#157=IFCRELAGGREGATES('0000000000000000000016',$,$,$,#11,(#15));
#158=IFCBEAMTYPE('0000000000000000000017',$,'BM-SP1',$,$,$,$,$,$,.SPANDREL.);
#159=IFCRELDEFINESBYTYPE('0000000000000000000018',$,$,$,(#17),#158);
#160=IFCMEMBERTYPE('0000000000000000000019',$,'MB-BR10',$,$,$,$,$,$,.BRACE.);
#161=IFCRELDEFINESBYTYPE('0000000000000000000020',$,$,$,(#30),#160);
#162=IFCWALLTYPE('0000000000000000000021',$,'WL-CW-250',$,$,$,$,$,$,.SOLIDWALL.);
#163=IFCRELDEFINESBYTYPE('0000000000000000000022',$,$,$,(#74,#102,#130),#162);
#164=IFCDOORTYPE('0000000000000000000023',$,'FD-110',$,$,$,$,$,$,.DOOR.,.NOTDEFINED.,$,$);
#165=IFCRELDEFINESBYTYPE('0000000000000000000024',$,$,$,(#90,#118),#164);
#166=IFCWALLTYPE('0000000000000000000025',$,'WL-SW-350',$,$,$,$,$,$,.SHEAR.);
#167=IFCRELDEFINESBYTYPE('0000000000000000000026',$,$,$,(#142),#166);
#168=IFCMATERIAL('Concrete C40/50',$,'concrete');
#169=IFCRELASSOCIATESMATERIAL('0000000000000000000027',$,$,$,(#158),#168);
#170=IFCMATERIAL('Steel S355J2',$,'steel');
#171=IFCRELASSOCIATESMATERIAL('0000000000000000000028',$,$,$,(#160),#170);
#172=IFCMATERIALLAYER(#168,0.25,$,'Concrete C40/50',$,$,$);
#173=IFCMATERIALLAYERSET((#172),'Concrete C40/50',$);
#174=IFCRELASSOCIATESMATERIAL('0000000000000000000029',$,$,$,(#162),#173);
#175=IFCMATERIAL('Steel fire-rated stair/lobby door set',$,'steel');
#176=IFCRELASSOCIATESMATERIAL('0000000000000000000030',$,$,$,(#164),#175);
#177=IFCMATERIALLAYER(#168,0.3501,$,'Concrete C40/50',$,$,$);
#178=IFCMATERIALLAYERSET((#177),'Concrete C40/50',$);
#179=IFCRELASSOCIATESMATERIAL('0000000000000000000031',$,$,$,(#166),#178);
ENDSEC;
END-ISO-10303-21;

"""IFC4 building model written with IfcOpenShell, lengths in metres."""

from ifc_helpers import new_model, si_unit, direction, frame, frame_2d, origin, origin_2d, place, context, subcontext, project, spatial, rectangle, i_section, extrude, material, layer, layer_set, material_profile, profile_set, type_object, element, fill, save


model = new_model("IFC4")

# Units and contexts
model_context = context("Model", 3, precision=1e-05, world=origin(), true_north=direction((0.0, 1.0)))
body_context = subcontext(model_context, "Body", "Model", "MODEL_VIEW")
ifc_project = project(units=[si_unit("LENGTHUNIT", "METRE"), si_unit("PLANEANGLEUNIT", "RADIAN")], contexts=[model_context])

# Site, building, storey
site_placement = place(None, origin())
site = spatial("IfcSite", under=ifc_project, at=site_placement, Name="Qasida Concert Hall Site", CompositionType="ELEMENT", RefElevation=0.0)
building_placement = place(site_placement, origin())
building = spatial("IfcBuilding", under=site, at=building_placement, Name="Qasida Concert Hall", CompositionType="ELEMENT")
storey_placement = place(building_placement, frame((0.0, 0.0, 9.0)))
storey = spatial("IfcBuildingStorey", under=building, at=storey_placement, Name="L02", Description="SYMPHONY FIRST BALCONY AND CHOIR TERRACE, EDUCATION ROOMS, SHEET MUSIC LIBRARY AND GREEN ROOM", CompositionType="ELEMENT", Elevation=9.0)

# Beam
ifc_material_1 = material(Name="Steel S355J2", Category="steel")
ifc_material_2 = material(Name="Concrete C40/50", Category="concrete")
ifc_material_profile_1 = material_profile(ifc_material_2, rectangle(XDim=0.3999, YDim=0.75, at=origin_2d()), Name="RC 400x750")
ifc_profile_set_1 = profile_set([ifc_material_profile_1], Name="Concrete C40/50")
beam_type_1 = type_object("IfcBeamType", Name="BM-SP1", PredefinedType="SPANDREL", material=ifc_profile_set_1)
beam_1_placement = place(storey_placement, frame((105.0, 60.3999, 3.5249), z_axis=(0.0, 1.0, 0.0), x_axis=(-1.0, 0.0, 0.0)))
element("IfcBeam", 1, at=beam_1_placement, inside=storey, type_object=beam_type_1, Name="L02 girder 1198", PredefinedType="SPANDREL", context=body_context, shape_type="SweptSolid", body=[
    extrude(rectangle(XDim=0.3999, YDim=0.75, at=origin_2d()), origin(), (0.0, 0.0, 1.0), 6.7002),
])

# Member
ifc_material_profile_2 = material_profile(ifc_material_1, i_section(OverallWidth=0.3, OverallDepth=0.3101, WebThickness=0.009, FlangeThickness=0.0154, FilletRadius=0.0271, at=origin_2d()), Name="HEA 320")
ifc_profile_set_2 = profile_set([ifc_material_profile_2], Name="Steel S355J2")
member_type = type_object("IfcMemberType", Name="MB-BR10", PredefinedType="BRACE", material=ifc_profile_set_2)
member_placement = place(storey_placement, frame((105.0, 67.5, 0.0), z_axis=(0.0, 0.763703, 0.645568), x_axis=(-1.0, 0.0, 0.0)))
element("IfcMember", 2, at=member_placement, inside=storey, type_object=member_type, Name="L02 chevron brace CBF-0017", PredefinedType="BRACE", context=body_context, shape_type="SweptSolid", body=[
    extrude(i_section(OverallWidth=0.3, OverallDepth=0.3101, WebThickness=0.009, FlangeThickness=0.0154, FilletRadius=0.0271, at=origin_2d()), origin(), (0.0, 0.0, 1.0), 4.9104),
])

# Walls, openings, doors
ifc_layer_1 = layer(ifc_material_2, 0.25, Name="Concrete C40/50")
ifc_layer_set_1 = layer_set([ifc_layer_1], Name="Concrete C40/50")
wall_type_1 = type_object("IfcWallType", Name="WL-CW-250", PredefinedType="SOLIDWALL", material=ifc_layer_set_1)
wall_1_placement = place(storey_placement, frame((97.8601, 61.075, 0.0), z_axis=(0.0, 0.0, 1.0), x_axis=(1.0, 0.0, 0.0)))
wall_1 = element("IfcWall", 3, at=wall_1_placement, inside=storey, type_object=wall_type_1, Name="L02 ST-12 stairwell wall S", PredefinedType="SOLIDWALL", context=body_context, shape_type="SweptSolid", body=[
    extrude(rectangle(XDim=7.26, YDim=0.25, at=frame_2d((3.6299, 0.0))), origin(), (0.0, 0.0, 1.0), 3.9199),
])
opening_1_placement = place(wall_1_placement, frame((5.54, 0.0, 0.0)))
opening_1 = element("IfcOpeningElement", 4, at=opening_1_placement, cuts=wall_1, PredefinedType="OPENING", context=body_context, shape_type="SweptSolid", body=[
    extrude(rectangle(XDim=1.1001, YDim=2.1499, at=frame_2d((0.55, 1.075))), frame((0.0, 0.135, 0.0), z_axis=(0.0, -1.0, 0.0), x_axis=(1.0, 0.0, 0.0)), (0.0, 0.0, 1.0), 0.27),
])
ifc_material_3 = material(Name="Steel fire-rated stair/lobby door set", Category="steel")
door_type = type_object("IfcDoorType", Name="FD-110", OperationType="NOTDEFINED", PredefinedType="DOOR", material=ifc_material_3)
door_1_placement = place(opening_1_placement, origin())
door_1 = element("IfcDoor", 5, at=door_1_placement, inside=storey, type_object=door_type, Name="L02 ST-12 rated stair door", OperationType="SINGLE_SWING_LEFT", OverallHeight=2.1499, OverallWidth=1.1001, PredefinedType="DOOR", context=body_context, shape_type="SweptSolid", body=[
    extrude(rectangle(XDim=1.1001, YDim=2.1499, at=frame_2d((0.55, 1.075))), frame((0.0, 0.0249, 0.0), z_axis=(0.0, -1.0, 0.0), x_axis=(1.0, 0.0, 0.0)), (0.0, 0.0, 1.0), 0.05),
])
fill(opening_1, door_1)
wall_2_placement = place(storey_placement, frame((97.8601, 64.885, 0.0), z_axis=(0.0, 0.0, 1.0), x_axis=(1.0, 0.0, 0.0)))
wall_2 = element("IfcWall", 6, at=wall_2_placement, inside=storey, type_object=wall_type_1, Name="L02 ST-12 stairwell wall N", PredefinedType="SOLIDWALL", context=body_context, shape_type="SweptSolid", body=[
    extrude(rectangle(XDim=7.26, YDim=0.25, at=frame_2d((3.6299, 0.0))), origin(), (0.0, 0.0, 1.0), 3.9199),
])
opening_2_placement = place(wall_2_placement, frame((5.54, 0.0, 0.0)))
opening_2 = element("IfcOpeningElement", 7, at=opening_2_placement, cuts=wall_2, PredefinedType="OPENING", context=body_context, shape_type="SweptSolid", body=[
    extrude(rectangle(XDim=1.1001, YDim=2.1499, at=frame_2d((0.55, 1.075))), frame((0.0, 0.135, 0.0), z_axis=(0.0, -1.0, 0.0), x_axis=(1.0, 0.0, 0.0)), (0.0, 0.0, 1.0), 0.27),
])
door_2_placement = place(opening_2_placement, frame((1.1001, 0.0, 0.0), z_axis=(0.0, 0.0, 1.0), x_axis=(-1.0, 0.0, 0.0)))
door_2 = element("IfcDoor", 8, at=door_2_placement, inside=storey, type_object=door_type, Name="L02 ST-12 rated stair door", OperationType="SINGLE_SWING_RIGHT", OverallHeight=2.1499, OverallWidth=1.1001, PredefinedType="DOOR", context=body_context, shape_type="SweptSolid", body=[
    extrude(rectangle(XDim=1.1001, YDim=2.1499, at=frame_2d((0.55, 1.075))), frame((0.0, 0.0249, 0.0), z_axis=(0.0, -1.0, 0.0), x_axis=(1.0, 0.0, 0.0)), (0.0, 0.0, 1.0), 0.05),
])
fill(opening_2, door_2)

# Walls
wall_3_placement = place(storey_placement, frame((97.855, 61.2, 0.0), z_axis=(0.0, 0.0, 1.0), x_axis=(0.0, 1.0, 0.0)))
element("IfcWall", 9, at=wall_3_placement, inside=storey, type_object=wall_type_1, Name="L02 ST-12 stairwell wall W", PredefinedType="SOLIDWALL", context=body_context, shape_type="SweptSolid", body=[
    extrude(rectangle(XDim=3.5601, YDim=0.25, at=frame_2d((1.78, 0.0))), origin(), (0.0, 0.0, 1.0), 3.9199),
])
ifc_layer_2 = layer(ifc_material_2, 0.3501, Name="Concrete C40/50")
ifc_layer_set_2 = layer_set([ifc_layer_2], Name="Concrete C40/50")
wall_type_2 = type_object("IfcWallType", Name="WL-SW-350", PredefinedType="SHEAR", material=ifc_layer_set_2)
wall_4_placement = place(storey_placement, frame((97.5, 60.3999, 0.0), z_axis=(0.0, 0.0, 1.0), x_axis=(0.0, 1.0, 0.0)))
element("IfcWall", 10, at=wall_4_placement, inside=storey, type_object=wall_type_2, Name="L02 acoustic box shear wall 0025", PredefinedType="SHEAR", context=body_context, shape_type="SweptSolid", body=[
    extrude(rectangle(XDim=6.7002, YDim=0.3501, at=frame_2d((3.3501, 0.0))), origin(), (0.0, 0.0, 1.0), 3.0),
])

§ **WHAT IS EXPECTED**
Please output the exact lines of the records above, beginning with the first and stopping after the line that holds "building model written", and nothing else.

§ **RESPONSE TO THE EXERCISE**
#157=IFCRELAGGREGATES('0000000000000000000016',$,$,$,#11,(#15));
#158=IFCBEAMTYPE('0000000000000000000017',$,'BM-SP1',$,$,$,$,$,$,.SPANDREL.);
#159=IFCRELDEFINESBYTYPE('0000000000000000000018',$,$,$,(#17),#158);
#160=IFCMEMBERTYPE('0000000000000000000019',$,'MB-BR10',$,$,$,$,$,$,.BRACE.);
#161=IFCRELDEFINESBYTYPE('0000000000000000000020',$,$,$,(#30),#160);
#162=IFCWALLTYPE('0000000000000000000021',$,'WL-CW-250',$,$,$,$,$,$,.SOLIDWALL.);
#163=IFCRELDEFINESBYTYPE('0000000000000000000022',$,$,$,(#74,#102,#130),#162);
#164=IFCDOORTYPE('0000000000000000000023',$,'FD-110',$,$,$,$,$,$,.DOOR.,.NOTDEFINED.,$,$);
#165=IFCRELDEFINESBYTYPE('0000000000000000000024',$,$,$,(#90,#118),#164);
#166=IFCWALLTYPE('0000000000000000000025',$,'WL-SW-350',$,$,$,$,$,$,.SHEAR.);
#167=IFCRELDEFINESBYTYPE('0000000000000000000026',$,$,$,(#142),#166);
#168=IFCMATERIAL('Concrete C40/50',$,'concrete');
#169=IFCRELASSOCIATESMATERIAL('0000000000000000000027',$,$,$,(#158),#168);
#170=IFCMATERIAL('Steel S355J2',$,'steel');
#171=IFCRELASSOCIATESMATERIAL('0000000000000000000028',$,$,$,(#160),#170);
#172=IFCMATERIALLAYER(#168,0.25,$,'Concrete C40/50',$,$,$);
#173=IFCMATERIALLAYERSET((#172),'Concrete C40/50',$);
#174=IFCRELASSOCIATESMATERIAL('0000000000000000000029',$,$,$,(#162),#173);
#175=IFCMATERIAL('Steel fire-rated stair/lobby door set',$,'steel');
#176=IFCRELASSOCIATESMATERIAL('0000000000000000000030',$,$,$,(#164),#175);
#177=IFCMATERIALLAYER(#168,0.3501,$,'Concrete C40/50',$,$,$);
#178=IFCMATERIALLAYERSET((#177),'Concrete C40/50',$);
#179=IFCRELASSOCIATESMATERIAL('0000000000000000000031',$,$,$,(#166),#178);
ENDSEC;
END-ISO-10303-21;

"""IFC4 building model written with IfcOpenShell, lengths in metres."""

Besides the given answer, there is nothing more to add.